-- What is expected --
Look through the data below and extract, unchanged, the lines from the one that contains "#43=IFCPRODUCTDEFINITIONSHAPE($,$,(#42));" to the one that contains "#56=IFCWALL('0000000000000000000009',$,'L26 interior partition", both included.

──────

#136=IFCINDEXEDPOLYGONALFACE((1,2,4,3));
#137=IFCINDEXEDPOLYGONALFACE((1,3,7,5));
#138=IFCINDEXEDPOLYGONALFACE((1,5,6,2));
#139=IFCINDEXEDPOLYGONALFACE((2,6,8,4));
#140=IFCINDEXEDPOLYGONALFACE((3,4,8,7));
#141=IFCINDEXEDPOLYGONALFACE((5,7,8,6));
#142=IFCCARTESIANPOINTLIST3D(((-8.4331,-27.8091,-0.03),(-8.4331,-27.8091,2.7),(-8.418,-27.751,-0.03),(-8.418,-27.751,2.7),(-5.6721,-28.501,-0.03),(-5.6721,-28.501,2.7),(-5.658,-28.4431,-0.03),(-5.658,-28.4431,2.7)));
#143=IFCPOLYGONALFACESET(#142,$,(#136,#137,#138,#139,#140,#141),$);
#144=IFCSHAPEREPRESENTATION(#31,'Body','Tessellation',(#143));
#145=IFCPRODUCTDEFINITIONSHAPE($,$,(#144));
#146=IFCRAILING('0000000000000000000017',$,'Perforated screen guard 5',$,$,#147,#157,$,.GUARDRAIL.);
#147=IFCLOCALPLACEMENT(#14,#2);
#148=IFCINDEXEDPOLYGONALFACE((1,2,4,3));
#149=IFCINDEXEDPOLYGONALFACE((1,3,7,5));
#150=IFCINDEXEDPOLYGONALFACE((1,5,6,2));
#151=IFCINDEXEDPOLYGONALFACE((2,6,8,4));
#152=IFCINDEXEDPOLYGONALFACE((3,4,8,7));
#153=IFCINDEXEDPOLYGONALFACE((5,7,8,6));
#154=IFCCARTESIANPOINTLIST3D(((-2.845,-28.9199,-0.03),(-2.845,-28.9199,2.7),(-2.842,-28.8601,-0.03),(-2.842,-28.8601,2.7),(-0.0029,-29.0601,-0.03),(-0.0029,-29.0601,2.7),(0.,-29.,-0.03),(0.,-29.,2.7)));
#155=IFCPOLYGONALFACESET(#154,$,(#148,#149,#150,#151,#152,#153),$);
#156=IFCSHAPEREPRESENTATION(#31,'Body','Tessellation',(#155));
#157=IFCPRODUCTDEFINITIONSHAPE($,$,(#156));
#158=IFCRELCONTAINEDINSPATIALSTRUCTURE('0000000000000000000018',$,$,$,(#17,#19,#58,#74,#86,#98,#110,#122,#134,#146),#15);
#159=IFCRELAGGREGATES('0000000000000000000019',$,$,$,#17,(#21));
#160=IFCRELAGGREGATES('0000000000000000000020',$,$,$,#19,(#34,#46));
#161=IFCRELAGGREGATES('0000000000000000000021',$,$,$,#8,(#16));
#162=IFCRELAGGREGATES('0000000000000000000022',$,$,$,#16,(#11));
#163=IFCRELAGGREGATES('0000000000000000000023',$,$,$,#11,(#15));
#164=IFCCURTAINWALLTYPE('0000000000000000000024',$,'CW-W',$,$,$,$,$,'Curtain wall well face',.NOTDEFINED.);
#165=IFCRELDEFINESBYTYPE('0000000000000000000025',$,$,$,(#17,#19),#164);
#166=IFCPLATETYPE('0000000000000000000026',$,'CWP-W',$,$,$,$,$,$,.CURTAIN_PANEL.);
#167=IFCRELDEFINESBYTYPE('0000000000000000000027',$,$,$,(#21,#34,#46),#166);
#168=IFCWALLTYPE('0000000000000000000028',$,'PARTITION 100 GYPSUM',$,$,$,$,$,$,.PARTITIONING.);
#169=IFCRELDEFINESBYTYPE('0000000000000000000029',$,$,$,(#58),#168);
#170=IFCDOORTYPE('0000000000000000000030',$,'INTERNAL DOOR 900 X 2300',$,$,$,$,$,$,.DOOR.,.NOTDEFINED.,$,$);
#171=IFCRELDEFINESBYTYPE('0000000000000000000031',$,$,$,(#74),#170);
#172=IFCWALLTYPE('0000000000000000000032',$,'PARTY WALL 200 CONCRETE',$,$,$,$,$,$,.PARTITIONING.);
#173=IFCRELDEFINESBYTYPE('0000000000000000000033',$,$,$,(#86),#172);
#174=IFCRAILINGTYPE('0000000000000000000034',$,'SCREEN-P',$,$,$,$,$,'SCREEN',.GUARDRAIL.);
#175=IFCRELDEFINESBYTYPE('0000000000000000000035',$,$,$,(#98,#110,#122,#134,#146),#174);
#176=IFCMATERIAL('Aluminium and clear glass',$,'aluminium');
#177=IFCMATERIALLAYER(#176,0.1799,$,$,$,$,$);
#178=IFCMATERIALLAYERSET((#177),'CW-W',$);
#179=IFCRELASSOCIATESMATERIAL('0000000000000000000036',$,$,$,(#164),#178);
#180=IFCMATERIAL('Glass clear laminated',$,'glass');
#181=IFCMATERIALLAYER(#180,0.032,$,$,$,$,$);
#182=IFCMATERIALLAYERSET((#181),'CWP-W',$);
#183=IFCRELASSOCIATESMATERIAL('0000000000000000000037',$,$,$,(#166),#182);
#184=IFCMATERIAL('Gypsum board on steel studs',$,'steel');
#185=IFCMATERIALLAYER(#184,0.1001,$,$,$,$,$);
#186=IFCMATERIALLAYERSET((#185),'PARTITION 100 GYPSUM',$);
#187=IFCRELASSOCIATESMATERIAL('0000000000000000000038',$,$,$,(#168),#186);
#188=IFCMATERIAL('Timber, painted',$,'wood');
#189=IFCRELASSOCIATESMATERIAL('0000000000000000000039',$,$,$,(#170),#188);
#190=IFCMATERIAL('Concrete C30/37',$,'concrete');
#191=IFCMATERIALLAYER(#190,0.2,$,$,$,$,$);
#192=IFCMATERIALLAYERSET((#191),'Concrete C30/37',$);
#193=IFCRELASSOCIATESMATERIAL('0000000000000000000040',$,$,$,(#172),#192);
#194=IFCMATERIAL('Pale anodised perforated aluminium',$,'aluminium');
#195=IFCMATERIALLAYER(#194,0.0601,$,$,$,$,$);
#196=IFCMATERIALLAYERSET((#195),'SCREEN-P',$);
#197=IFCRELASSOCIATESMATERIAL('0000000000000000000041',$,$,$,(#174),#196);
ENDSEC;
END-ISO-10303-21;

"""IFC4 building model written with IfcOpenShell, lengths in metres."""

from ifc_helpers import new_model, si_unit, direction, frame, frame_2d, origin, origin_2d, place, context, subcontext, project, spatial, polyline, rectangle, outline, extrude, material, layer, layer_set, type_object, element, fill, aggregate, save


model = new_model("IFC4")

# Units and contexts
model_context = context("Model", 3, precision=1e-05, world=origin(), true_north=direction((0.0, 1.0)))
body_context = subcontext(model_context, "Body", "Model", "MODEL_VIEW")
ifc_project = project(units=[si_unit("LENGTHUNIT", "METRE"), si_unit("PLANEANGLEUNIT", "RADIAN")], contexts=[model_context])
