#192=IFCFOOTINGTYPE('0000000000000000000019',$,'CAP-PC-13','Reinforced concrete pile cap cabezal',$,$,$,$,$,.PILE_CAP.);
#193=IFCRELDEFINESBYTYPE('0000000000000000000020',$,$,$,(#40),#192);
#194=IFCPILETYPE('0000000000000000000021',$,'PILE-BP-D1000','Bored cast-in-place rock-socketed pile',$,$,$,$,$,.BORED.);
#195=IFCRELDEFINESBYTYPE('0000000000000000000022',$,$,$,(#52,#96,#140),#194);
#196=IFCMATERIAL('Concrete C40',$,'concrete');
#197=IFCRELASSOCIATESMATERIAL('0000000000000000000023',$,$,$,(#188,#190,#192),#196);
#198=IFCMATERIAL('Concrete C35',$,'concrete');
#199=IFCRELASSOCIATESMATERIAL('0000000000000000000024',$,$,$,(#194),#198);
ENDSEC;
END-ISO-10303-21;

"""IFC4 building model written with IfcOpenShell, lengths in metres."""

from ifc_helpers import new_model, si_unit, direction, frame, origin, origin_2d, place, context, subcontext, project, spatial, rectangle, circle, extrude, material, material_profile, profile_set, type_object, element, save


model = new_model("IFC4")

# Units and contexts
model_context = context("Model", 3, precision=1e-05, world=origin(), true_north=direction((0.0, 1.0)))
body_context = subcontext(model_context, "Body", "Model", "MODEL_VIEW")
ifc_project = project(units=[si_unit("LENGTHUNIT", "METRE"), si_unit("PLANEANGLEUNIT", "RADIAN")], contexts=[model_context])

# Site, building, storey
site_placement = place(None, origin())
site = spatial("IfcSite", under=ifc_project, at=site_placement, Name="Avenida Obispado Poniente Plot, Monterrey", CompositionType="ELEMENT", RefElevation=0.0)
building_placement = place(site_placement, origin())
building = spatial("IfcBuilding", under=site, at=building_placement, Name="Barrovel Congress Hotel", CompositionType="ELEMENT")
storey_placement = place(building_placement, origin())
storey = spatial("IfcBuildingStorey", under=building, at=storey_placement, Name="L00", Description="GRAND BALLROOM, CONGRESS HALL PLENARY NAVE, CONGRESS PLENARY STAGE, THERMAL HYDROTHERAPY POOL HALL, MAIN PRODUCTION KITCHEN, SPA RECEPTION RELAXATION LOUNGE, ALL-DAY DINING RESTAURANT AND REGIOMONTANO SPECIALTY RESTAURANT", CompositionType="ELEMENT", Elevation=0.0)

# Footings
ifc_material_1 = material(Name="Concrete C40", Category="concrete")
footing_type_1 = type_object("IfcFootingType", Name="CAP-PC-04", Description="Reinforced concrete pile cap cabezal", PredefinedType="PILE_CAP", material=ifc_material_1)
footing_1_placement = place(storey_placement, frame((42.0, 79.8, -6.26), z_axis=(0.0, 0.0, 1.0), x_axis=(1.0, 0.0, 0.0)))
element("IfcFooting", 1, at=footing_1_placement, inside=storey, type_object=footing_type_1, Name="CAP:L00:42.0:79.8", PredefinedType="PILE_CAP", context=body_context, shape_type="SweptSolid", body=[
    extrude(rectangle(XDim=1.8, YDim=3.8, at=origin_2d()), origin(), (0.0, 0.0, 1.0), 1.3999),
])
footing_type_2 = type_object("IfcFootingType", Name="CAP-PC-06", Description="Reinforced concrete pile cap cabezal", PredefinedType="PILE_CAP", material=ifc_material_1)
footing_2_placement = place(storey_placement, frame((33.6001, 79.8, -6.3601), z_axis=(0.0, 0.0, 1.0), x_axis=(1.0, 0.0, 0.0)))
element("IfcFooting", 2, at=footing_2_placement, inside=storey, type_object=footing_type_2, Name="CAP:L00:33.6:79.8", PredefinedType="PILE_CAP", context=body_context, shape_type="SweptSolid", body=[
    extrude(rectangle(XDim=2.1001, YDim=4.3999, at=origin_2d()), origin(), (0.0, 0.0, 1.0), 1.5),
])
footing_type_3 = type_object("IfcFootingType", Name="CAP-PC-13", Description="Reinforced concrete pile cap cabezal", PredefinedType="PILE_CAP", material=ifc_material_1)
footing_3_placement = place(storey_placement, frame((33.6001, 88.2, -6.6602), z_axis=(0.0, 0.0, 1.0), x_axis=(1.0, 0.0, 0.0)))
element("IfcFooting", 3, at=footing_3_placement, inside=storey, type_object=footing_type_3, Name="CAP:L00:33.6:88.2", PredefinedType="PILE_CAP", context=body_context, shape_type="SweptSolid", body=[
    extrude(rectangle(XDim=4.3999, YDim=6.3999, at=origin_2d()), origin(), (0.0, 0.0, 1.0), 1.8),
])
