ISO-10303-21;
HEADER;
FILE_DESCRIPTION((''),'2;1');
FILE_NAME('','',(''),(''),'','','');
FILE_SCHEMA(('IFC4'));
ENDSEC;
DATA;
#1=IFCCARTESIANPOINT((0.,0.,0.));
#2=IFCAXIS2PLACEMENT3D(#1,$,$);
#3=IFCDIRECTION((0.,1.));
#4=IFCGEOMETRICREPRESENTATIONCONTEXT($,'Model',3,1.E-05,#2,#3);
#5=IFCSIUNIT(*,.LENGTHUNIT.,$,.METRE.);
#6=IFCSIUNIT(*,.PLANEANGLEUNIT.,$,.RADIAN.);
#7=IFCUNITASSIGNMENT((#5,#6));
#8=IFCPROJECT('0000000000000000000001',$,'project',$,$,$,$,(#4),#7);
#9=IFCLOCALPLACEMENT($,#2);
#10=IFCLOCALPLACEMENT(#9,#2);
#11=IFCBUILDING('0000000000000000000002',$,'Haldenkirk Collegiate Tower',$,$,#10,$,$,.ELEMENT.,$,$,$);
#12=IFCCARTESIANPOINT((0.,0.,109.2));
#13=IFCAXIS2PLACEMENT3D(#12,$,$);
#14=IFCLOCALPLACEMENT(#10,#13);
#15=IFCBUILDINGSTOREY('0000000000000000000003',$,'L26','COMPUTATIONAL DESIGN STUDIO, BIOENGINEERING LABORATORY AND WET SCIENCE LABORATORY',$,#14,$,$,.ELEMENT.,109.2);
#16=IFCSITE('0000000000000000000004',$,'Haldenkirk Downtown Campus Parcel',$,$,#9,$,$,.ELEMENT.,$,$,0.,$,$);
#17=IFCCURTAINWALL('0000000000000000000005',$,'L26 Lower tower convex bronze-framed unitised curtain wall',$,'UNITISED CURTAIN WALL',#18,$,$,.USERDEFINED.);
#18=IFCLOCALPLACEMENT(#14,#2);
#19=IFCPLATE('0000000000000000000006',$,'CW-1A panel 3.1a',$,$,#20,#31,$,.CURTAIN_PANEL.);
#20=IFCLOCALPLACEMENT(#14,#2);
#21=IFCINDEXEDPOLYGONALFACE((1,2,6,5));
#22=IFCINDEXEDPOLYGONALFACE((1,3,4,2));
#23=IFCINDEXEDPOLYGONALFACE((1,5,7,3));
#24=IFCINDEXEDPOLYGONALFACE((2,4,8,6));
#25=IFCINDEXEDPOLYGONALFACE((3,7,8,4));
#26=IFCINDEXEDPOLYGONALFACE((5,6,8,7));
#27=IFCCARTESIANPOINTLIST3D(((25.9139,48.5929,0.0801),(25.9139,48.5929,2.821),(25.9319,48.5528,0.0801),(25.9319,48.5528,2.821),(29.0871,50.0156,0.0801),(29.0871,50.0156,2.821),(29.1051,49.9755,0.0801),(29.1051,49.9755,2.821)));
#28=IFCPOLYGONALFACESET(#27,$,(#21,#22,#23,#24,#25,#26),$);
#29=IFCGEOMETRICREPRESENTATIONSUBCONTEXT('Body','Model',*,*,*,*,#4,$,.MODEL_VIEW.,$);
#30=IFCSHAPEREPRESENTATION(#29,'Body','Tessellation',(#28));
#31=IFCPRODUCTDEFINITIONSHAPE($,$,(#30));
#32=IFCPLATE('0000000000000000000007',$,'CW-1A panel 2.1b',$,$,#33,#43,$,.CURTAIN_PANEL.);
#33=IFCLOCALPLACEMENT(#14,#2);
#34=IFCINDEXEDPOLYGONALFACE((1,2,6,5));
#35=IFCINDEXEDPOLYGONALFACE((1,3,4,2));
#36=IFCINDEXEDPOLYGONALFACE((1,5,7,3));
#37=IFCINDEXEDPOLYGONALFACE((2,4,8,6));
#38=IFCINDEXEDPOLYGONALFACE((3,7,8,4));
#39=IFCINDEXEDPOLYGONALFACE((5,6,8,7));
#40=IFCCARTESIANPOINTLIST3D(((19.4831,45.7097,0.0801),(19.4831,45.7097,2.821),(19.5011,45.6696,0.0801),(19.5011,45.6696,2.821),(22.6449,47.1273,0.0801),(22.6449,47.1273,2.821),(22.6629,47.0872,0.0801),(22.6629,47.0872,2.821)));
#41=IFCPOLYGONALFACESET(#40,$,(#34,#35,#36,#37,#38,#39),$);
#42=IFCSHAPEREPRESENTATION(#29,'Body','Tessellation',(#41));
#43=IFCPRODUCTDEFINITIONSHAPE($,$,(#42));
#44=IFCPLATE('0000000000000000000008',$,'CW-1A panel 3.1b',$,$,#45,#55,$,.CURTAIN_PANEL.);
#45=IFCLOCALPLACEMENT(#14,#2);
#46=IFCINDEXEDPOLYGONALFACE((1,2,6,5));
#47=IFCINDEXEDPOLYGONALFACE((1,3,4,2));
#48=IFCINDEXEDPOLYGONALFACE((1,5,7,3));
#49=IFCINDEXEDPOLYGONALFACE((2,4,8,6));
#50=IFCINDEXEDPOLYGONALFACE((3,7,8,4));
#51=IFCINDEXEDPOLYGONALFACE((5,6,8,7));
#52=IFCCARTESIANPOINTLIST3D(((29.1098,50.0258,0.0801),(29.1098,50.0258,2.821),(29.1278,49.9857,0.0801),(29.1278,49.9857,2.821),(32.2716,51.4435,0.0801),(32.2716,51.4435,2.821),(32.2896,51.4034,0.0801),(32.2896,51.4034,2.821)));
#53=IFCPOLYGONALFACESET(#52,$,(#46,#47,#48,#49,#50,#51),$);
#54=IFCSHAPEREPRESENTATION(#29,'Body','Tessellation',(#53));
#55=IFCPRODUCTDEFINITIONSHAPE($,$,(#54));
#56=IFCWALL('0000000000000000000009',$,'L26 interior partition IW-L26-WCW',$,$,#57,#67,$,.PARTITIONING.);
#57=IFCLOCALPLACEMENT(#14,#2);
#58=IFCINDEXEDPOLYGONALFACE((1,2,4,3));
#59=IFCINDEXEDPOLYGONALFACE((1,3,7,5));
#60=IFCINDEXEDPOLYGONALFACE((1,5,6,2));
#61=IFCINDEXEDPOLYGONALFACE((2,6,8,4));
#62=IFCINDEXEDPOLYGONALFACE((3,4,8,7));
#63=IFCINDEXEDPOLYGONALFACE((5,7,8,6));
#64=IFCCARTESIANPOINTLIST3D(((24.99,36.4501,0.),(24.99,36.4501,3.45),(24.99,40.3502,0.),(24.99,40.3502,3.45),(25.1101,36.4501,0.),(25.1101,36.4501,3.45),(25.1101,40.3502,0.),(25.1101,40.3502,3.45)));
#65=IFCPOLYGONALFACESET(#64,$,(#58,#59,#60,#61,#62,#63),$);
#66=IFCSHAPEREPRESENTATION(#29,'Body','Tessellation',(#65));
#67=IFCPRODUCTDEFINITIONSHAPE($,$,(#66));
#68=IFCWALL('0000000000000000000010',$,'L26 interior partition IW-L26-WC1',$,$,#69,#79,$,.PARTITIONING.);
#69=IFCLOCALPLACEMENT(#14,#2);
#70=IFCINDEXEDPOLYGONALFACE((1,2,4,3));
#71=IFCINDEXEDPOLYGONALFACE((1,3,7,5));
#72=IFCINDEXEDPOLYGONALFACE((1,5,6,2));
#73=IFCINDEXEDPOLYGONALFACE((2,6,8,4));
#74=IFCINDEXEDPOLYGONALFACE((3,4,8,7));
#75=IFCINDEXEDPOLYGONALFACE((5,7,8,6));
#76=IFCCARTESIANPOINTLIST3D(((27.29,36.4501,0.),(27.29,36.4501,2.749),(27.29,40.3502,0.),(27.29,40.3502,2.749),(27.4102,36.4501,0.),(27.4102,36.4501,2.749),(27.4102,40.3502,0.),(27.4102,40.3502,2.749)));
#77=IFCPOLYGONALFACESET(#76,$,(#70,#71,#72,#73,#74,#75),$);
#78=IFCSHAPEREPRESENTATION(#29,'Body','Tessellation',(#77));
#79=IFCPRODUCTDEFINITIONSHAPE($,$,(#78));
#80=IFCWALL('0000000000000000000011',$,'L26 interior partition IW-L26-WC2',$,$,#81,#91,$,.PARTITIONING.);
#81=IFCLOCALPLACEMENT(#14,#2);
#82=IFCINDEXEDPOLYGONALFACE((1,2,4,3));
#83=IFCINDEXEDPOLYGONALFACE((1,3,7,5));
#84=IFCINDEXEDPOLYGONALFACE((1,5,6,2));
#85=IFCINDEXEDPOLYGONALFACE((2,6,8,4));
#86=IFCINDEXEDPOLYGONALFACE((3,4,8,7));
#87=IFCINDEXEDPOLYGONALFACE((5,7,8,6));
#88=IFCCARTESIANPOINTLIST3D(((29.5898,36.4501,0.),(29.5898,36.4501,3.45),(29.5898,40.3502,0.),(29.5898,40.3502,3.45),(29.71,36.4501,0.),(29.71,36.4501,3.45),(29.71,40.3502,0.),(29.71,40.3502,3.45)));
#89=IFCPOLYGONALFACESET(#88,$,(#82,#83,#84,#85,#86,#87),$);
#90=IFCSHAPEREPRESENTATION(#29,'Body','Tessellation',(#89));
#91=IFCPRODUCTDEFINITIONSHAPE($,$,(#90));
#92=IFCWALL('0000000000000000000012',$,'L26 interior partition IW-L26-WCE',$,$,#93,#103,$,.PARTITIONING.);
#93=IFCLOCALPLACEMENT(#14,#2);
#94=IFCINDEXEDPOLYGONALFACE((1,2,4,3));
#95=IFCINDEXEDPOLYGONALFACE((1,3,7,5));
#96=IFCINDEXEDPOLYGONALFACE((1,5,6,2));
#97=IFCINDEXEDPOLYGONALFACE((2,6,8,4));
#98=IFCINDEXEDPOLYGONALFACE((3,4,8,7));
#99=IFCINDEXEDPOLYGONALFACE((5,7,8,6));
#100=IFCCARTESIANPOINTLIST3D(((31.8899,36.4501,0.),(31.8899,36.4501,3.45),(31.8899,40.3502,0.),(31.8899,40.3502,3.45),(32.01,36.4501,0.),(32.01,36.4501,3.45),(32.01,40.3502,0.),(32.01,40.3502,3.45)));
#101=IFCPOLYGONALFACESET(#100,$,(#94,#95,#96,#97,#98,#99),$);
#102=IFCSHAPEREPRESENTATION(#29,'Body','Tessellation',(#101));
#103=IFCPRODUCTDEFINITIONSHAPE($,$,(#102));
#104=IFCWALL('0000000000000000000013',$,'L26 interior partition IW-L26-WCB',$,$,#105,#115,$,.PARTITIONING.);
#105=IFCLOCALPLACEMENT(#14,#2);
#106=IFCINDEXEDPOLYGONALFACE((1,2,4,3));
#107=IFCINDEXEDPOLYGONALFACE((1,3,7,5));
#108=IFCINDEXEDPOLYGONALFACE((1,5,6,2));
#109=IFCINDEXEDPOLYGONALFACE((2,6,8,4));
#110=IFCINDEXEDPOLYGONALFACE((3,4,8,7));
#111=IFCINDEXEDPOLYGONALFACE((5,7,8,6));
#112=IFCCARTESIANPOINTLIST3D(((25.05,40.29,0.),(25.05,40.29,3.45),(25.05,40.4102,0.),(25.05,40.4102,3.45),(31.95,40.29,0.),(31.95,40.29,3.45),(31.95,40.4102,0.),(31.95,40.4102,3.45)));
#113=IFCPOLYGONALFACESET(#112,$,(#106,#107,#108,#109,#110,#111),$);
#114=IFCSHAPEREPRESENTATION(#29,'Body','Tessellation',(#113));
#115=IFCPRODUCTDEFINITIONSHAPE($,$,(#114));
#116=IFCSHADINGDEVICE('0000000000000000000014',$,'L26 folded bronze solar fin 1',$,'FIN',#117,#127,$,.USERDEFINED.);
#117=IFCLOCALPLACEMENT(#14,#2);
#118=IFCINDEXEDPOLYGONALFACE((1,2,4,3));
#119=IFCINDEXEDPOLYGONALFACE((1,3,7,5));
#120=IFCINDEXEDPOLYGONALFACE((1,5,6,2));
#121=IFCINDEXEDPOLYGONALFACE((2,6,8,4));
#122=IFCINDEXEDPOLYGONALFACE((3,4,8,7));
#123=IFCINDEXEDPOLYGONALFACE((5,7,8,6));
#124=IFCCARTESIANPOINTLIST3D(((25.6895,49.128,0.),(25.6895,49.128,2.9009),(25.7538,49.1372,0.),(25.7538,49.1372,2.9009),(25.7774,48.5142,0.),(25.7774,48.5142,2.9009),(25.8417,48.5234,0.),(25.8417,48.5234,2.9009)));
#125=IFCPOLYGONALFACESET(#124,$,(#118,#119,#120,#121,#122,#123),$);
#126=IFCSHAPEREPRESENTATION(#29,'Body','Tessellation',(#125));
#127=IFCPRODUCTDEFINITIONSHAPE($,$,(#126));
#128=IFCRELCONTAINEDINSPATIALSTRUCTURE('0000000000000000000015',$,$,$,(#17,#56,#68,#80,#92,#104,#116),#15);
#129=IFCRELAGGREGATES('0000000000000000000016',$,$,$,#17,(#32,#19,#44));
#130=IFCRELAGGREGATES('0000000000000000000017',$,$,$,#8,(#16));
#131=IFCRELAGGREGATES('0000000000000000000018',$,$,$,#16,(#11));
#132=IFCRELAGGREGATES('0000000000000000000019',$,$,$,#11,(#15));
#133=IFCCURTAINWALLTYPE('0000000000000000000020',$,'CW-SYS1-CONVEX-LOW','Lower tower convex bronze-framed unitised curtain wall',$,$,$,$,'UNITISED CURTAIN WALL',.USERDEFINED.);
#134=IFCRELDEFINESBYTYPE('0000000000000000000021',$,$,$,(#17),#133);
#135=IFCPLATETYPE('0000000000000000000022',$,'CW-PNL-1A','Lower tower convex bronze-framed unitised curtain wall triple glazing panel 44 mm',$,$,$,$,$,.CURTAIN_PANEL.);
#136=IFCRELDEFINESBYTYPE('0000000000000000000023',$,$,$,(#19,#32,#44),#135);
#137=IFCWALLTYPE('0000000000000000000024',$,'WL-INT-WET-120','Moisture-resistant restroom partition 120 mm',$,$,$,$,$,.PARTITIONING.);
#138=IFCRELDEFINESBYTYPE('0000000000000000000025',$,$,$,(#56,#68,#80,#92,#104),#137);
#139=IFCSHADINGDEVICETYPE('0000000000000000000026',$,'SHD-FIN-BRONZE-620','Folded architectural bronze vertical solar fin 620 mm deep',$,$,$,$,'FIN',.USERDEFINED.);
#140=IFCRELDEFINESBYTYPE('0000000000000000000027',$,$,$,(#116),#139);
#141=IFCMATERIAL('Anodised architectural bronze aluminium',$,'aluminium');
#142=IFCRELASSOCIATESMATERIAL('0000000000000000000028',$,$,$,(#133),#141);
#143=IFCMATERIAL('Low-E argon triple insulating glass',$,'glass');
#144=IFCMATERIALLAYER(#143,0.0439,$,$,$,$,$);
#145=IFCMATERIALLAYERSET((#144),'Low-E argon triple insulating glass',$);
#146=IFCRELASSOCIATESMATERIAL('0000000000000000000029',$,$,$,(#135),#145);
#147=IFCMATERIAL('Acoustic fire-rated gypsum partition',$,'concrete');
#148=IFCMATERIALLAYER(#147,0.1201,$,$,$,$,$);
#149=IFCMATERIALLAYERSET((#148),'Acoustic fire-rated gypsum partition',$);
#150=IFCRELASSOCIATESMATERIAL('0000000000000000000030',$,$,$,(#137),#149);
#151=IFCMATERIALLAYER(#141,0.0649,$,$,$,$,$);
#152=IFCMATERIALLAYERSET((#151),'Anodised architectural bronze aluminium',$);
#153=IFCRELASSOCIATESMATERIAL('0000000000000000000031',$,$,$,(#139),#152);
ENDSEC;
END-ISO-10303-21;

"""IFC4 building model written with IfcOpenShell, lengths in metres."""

from ifc_helpers import new_model, si_unit, direction, frame, frame_2d, origin, origin_2d, place, context, subcontext, project, spatial, rectangle, extrude, source, transform, mapped, material, layer, layer_set, type_object, element, aggregate, save


model = new_model("IFC4")

# Units and contexts
model_context = context("Model", 3, precision=1e-05, world=origin(), true_north=direction((0.0, 1.0)))
body_context = subcontext(model_context, "Body", "Model", "MODEL_VIEW")
ifc_project = project(units=[si_unit("LENGTHUNIT", "METRE"), si_unit("PLANEANGLEUNIT", "RADIAN")], contexts=[model_context])

# Site, building, storey
site_placement = place(None, origin())
site = spatial("IfcSite", under=ifc_project, at=site_placement, Name="Haldenkirk Downtown Campus Parcel", CompositionType="ELEMENT", RefElevation=0.0)
building_placement = place(site_placement, origin())
building = spatial("IfcBuilding", under=site, at=building_placement, Name="Haldenkirk Collegiate Tower", CompositionType="ELEMENT")
storey_placement = place(building_placement, frame((0.0, 0.0, 109.2)))
storey = spatial("IfcBuildingStorey", under=building, at=storey_placement, Name="L26", Description="COMPUTATIONAL DESIGN STUDIO, BIOENGINEERING LABORATORY AND WET SCIENCE LABORATORY", CompositionType="ELEMENT", Elevation=109.2)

──────

-- Exercise response --
#43=IFCPRODUCTDEFINITIONSHAPE($,$,(#42));
#44=IFCPLATE('0000000000000000000008',$,'CW-1A panel 3.1b',$,$,#45,#55,$,.CURTAIN_PANEL.);
#45=IFCLOCALPLACEMENT(#14,#2);
#46=IFCINDEXEDPOLYGONALFACE((1,2,6,5));
#47=IFCINDEXEDPOLYGONALFACE((1,3,4,2));
#48=IFCINDEXEDPOLYGONALFACE((1,5,7,3));
#49=IFCINDEXEDPOLYGONALFACE((2,4,8,6));
#50=IFCINDEXEDPOLYGONALFACE((3,7,8,4));
#51=IFCINDEXEDPOLYGONALFACE((5,6,8,7));
#52=IFCCARTESIANPOINTLIST3D(((29.1098,50.0258,0.0801),(29.1098,50.0258,2.821),(29.1278,49.9857,0.0801),(29.1278,49.9857,2.821),(32.2716,51.4435,0.0801),(32.2716,51.4435,2.821),(32.2896,51.4034,0.0801),(32.2896,51.4034,2.821)));
#53=IFCPOLYGONALFACESET(#52,$,(#46,#47,#48,#49,#50,#51),$);
#54=IFCSHAPEREPRESENTATION(#29,'Body','Tessellation',(#53));
#55=IFCPRODUCTDEFINITIONSHAPE($,$,(#54));
#56=IFCWALL('0000000000000000000009',$,'L26 interior partition IW-L26-WCW',$,$,#57,#67,$,.PARTITIONING.);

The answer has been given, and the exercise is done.